_WORK TASK_
What to return is the tail of the data, from the line that contains "wall mullion 50x150',$,$,$,$,$,$,.MULLION.);" down to the last line, copied exactly.

BEGIN EXCERPTED RECORDS

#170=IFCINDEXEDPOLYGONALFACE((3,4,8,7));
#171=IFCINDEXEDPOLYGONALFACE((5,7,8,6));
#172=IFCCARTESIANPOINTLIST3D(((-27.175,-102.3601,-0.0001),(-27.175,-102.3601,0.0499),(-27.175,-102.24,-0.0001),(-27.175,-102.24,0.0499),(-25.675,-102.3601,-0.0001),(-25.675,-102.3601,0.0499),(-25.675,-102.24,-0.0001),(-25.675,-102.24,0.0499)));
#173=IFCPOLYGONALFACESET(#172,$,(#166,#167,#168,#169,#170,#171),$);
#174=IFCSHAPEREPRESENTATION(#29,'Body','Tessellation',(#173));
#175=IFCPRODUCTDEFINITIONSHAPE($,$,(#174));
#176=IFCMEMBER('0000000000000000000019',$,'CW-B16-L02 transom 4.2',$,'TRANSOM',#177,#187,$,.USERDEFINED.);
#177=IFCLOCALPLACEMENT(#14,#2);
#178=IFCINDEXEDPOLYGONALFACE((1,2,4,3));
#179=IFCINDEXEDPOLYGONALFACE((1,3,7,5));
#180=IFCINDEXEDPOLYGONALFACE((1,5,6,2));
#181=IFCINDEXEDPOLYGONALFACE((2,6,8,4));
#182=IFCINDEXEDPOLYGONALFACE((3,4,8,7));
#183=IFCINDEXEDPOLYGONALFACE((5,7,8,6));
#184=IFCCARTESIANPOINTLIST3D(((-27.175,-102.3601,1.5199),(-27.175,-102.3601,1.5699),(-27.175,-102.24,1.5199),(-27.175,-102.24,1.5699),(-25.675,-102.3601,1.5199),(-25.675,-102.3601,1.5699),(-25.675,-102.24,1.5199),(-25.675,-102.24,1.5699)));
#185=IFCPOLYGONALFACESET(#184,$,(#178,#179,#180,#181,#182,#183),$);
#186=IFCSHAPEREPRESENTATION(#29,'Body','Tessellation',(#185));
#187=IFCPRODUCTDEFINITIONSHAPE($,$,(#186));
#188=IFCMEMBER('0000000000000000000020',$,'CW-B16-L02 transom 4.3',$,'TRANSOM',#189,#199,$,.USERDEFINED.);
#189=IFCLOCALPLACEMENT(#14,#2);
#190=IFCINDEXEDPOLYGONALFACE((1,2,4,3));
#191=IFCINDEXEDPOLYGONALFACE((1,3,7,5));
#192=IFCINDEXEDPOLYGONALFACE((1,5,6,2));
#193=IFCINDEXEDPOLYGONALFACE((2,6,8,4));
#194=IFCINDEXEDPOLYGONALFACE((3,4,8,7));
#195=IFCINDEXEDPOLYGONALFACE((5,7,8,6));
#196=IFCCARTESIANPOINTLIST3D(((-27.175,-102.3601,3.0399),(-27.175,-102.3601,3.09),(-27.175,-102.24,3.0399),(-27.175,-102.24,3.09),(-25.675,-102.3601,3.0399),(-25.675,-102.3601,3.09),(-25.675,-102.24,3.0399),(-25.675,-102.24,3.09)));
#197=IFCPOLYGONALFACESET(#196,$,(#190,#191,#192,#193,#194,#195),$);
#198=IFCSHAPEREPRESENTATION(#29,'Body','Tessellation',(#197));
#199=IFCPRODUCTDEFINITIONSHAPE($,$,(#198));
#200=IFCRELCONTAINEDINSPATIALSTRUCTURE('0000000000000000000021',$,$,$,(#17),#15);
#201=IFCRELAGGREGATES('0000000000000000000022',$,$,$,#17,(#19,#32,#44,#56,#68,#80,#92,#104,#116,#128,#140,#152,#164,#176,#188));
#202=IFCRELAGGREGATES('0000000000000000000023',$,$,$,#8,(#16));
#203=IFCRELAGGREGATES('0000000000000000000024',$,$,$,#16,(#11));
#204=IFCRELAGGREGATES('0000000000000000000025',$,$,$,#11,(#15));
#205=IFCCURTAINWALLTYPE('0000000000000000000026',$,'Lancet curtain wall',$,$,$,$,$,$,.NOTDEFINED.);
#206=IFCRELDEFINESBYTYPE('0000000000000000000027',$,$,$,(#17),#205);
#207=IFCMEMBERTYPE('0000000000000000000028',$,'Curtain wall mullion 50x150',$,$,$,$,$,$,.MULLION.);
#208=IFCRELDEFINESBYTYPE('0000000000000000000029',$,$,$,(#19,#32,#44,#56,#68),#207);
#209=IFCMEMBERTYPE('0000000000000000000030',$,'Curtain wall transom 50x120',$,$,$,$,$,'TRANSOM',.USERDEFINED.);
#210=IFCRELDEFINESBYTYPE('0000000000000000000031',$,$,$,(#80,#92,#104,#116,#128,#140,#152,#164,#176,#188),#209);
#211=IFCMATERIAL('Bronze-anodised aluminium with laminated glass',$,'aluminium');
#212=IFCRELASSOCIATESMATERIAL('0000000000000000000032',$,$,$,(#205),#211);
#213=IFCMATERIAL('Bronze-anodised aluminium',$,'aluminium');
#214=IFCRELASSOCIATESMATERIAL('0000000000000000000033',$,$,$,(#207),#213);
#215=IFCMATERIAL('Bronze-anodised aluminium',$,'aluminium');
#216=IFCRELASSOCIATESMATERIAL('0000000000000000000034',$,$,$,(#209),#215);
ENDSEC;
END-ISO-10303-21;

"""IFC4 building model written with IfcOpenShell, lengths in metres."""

END EXCERPTED RECORDS

_SOLUTION BELOW_
#207=IFCMEMBERTYPE('0000000000000000000028',$,'Curtain wall mullion 50x150',$,$,$,$,$,$,.MULLION.);
#208=IFCRELDEFINESBYTYPE('0000000000000000000029',$,$,$,(#19,#32,#44,#56,#68),#207);
#209=IFCMEMBERTYPE('0000000000000000000030',$,'Curtain wall transom 50x120',$,$,$,$,$,'TRANSOM',.USERDEFINED.);
#210=IFCRELDEFINESBYTYPE('0000000000000000000031',$,$,$,(#80,#92,#104,#116,#128,#140,#152,#164,#176,#188),#209);
#211=IFCMATERIAL('Bronze-anodised aluminium with laminated glass',$,'aluminium');
#212=IFCRELASSOCIATESMATERIAL('0000000000000000000032',$,$,$,(#205),#211);
#213=IFCMATERIAL('Bronze-anodised aluminium',$,'aluminium');
#214=IFCRELASSOCIATESMATERIAL('0000000000000000000033',$,$,$,(#207),#213);
#215=IFCMATERIAL('Bronze-anodised aluminium',$,'aluminium');
#216=IFCRELASSOCIATESMATERIAL('0000000000000000000034',$,$,$,(#209),#215);
ENDSEC;
END-ISO-10303-21;

"""IFC4 building model written with IfcOpenShell, lengths in metres."""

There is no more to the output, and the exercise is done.